### WORK TO COMPLETE
Gather all lines in the entries below that include the word "RUNG".
(DATA UNDER STUDY begins)
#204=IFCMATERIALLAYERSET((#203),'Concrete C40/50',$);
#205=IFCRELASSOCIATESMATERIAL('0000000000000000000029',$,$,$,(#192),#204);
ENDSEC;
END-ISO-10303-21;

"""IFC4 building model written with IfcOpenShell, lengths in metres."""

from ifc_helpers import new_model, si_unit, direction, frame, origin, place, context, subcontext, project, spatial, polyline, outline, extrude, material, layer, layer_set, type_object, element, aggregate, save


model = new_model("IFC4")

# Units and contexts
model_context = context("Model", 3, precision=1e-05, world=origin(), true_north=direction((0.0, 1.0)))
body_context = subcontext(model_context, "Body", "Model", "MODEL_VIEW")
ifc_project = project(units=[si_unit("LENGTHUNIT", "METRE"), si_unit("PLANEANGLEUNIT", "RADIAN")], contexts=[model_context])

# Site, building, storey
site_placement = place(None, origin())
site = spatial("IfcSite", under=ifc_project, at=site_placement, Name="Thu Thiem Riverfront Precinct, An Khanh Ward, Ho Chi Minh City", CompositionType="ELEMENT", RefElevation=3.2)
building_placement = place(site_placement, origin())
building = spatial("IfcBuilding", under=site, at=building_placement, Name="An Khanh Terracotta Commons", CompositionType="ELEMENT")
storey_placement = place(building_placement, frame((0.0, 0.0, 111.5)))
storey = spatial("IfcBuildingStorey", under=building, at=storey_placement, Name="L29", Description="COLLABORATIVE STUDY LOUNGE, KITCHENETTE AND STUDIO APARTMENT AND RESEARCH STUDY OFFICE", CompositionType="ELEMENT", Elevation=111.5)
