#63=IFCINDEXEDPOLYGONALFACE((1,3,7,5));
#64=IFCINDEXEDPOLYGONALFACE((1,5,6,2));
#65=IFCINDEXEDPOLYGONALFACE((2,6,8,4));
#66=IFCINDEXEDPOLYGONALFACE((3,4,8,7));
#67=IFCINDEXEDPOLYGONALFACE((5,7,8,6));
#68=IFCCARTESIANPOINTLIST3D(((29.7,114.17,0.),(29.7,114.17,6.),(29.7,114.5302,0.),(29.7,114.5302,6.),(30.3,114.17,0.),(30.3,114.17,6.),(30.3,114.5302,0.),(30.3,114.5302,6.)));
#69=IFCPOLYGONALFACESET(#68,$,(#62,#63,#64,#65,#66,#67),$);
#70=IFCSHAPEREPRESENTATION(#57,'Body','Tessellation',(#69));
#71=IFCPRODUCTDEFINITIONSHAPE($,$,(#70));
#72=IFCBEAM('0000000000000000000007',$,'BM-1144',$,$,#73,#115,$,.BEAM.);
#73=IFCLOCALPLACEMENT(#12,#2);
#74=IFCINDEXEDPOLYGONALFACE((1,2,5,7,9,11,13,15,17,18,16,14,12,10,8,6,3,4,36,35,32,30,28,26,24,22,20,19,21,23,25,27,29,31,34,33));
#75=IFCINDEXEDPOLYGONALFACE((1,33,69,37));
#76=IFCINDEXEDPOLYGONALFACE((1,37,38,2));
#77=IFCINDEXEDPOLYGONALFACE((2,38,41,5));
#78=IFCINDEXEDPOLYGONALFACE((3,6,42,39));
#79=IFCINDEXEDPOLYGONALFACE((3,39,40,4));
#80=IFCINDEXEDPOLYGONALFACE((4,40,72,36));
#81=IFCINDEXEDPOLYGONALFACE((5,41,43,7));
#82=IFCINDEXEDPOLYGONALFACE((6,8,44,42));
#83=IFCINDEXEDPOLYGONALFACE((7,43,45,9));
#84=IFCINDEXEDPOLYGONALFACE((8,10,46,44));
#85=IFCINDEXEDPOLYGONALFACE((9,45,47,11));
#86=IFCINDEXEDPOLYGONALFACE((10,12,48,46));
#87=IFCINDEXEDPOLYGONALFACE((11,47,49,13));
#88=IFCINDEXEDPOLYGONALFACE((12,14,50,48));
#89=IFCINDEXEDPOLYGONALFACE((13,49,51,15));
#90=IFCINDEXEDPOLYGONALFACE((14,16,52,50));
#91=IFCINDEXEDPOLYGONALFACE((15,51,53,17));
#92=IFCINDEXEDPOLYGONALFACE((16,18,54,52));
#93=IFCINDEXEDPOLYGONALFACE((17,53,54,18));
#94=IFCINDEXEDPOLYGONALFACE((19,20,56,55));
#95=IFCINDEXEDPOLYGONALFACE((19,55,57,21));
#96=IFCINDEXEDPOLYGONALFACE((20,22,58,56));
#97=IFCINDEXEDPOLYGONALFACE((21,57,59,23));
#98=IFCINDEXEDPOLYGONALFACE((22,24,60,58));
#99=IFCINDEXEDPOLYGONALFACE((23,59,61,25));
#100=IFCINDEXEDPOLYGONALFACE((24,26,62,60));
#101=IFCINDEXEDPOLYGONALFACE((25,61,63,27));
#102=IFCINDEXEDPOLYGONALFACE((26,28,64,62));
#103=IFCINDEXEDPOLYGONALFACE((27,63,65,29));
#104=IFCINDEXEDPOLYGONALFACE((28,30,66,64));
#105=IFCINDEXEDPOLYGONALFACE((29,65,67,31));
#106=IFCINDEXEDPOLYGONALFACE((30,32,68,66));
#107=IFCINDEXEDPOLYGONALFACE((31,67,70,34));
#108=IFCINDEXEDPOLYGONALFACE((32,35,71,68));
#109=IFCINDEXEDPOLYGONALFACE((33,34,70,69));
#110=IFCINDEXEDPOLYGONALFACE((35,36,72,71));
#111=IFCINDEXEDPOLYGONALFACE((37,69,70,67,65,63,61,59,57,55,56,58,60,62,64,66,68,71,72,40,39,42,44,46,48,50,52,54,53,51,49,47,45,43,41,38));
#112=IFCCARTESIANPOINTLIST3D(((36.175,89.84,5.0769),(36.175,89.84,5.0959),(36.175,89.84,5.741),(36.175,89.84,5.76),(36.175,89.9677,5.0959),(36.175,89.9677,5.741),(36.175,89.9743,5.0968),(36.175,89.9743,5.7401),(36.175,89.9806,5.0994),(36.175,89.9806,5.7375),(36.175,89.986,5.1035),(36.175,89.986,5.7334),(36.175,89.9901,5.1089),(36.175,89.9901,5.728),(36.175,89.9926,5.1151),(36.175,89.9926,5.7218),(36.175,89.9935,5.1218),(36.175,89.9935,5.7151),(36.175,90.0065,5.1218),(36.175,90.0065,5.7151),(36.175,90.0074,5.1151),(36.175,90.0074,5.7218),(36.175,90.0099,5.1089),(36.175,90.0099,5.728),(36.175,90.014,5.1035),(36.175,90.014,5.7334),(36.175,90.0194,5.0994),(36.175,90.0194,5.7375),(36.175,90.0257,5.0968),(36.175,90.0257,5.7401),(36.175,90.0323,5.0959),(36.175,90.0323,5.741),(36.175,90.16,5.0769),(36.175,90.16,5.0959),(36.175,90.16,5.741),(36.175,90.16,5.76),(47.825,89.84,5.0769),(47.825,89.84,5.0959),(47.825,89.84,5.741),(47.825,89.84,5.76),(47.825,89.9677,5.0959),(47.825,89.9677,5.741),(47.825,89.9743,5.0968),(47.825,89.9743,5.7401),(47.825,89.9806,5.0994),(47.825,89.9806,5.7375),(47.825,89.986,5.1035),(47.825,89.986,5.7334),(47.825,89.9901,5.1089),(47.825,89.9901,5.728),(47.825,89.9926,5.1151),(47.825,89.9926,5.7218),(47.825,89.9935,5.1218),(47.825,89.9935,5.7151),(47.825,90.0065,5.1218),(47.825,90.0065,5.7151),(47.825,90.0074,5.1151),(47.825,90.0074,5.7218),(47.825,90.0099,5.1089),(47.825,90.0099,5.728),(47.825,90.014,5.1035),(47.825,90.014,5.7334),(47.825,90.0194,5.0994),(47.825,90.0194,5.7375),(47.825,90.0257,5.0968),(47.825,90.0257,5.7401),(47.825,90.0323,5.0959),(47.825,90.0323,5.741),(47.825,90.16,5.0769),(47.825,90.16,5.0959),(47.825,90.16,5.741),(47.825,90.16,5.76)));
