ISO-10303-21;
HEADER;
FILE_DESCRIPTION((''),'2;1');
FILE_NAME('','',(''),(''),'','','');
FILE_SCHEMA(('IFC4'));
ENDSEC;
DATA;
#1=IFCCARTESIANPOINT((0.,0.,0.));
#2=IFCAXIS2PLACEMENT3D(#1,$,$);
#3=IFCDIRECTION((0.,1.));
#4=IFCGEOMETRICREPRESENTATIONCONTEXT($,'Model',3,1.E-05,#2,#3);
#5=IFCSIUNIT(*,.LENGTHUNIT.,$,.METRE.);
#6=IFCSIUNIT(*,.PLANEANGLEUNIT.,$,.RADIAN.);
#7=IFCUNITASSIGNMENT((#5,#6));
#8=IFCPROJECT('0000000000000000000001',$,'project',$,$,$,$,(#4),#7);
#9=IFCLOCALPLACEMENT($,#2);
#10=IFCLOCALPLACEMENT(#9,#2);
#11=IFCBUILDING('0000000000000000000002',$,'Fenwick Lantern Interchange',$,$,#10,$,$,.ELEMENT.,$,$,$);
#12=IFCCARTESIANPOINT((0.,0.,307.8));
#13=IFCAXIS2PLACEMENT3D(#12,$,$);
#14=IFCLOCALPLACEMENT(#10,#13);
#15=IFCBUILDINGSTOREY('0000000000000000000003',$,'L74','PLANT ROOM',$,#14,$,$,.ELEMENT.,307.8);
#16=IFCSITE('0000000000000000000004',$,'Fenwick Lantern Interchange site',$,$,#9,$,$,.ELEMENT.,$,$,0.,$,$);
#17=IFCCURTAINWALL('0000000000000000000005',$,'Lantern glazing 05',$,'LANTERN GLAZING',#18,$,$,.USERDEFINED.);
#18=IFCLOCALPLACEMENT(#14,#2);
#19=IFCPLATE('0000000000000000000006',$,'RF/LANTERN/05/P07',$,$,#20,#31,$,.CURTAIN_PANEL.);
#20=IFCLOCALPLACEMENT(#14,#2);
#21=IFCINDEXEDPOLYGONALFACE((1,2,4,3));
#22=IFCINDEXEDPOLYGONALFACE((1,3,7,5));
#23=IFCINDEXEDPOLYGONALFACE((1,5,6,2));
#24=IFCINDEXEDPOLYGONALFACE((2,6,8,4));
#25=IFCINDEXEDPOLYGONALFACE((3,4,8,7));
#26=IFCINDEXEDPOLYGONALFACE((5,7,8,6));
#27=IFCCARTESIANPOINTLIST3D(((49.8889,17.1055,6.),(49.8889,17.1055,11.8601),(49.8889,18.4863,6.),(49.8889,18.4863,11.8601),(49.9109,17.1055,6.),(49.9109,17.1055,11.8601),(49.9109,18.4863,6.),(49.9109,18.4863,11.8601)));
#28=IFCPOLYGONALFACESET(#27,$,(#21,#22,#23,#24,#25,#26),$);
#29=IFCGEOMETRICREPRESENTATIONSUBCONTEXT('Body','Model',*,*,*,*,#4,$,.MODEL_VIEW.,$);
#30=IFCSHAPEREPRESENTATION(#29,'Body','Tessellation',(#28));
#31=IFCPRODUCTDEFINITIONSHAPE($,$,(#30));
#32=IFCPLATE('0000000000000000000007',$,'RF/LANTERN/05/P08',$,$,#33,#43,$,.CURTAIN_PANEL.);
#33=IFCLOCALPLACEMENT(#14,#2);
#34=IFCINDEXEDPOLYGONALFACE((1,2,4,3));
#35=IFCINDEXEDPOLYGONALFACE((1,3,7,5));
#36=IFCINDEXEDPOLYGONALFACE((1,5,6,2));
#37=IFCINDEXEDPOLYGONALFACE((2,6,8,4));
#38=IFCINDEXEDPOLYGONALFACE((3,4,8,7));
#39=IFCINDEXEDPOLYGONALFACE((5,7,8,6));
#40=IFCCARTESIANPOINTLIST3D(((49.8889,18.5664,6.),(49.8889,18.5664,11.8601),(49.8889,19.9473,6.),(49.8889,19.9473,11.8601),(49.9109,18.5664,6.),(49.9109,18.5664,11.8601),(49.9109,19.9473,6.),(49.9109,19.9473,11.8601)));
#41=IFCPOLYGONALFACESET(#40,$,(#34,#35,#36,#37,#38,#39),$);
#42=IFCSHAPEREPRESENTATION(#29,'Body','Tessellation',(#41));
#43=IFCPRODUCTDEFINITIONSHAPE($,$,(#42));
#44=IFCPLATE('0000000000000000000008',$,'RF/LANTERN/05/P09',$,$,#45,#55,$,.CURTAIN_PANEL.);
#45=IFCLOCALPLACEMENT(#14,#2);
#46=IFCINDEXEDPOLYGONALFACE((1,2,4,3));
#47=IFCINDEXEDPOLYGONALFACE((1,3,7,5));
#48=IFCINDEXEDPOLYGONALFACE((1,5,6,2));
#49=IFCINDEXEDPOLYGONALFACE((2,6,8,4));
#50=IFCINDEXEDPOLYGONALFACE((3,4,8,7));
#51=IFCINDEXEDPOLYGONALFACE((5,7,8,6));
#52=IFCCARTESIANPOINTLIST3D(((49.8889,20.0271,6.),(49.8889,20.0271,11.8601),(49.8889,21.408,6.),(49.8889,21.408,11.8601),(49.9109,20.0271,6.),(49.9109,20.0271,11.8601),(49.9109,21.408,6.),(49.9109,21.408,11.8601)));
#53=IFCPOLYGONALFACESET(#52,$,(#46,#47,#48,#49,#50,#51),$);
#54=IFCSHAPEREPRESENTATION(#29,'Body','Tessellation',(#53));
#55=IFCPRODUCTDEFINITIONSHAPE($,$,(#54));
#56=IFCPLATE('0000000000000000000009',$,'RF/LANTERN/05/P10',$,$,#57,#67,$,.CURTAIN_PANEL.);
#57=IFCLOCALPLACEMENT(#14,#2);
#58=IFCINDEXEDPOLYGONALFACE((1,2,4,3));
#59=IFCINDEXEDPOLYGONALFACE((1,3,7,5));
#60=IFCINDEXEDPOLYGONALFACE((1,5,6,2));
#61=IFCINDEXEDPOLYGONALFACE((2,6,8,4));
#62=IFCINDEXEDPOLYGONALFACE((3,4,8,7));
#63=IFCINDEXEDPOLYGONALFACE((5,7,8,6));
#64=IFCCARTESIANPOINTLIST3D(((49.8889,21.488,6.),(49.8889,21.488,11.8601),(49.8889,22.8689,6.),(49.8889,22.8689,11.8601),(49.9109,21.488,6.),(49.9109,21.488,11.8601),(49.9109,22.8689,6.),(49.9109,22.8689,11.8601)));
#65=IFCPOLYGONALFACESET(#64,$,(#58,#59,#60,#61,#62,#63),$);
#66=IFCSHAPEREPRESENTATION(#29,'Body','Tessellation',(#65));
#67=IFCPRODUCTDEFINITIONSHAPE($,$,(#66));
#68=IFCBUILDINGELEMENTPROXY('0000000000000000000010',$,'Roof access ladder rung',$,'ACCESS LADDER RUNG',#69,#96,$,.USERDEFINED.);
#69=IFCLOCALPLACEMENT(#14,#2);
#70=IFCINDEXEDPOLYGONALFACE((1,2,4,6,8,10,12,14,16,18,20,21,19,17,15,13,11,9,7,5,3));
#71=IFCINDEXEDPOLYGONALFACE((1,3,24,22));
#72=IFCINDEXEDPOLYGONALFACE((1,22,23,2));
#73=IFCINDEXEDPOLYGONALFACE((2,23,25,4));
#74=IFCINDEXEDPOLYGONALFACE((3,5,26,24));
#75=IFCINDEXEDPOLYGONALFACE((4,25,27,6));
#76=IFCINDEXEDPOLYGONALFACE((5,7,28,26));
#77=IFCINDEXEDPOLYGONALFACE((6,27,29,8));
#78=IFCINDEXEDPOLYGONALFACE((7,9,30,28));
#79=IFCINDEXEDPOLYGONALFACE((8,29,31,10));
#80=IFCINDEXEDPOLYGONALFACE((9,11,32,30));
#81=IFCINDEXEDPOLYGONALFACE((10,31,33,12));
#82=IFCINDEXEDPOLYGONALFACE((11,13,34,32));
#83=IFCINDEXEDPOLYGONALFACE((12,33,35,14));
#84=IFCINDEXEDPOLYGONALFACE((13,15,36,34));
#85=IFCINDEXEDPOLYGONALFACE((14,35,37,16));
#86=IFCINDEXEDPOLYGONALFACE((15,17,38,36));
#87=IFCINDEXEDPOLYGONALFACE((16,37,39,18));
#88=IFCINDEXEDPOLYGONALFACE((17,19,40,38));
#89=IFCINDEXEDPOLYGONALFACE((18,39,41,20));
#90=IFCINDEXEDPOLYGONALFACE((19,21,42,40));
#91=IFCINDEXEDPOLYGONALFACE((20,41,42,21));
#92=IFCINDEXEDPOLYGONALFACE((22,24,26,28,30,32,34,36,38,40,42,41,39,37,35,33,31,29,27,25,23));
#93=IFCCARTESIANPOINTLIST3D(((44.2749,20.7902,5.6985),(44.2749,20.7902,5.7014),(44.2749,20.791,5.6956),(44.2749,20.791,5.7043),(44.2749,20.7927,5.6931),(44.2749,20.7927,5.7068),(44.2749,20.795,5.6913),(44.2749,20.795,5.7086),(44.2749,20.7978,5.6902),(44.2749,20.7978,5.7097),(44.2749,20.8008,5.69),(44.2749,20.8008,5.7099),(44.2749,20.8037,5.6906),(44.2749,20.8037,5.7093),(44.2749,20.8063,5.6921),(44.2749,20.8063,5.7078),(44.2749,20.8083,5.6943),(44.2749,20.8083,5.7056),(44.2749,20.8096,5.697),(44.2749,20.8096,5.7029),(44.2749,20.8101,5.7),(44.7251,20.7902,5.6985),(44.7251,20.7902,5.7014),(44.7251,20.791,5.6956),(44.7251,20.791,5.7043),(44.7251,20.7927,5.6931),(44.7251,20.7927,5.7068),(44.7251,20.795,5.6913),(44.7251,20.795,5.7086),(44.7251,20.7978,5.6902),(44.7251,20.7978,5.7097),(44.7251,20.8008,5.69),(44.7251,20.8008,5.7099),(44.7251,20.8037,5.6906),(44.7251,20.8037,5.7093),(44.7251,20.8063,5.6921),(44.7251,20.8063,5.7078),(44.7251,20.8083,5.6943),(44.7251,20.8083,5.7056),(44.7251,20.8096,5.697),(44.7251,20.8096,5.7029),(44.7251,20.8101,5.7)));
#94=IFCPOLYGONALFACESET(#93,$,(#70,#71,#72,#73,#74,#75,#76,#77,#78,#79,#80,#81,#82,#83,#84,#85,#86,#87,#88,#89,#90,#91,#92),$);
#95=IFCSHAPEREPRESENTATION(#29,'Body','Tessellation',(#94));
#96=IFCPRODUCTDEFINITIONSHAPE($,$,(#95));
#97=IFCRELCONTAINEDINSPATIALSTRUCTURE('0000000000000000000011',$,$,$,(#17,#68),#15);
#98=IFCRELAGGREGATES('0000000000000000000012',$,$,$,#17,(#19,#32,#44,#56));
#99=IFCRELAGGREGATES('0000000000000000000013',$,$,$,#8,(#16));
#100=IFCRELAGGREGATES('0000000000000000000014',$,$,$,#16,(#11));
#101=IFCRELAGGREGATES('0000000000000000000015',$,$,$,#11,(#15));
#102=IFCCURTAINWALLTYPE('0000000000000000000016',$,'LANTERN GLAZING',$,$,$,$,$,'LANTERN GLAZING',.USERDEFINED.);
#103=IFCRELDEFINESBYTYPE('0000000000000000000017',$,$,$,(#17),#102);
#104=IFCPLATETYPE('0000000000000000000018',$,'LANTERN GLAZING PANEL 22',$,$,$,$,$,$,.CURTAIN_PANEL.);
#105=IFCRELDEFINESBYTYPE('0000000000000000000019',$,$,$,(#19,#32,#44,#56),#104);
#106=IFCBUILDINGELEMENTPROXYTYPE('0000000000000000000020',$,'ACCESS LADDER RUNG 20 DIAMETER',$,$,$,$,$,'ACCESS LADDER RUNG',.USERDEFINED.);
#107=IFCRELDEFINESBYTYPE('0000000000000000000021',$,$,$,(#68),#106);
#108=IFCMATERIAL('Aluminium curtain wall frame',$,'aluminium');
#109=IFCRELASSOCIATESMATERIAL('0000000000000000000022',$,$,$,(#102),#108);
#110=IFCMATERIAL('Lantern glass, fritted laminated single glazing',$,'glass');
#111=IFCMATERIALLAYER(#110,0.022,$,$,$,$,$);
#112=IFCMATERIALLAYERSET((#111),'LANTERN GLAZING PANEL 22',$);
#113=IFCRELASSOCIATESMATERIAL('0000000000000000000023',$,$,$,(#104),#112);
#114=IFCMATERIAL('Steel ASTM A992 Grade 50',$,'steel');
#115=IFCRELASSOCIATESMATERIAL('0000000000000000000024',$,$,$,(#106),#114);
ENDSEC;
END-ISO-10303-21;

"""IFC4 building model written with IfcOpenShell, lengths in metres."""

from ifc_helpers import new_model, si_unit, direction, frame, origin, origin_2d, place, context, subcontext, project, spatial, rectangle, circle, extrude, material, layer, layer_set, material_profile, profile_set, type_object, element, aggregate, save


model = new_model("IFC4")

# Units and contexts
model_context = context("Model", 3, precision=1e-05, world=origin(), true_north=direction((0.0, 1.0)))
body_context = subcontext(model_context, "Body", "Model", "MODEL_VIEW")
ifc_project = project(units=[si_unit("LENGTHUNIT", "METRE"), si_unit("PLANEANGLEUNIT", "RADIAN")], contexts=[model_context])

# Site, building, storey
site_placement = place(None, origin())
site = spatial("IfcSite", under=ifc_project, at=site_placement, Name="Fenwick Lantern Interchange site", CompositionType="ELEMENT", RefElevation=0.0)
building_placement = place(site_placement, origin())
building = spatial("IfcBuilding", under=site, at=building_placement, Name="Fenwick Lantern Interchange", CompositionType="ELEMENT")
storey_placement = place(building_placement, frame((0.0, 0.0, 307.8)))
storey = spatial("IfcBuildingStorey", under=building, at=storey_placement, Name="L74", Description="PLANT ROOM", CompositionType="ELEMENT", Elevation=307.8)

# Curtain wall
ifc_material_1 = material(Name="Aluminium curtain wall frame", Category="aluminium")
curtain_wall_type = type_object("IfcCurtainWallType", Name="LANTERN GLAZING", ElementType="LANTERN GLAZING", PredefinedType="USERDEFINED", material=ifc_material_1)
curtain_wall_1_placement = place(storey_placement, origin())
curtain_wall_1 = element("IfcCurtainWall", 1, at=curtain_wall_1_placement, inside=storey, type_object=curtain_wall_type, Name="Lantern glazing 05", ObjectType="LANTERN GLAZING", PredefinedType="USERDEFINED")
(DATA UNDER STUDY ends)
### ANSWER SPACE
#68=IFCBUILDINGELEMENTPROXY('0000000000000000000010',$,'Roof access ladder rung',$,'ACCESS LADDER RUNG',#69,#96,$,.USERDEFINED.);
#106=IFCBUILDINGELEMENTPROXYTYPE('0000000000000000000020',$,'ACCESS LADDER RUNG 20 DIAMETER',$,$,$,$,$,'ACCESS LADDER RUNG',.USERDEFINED.);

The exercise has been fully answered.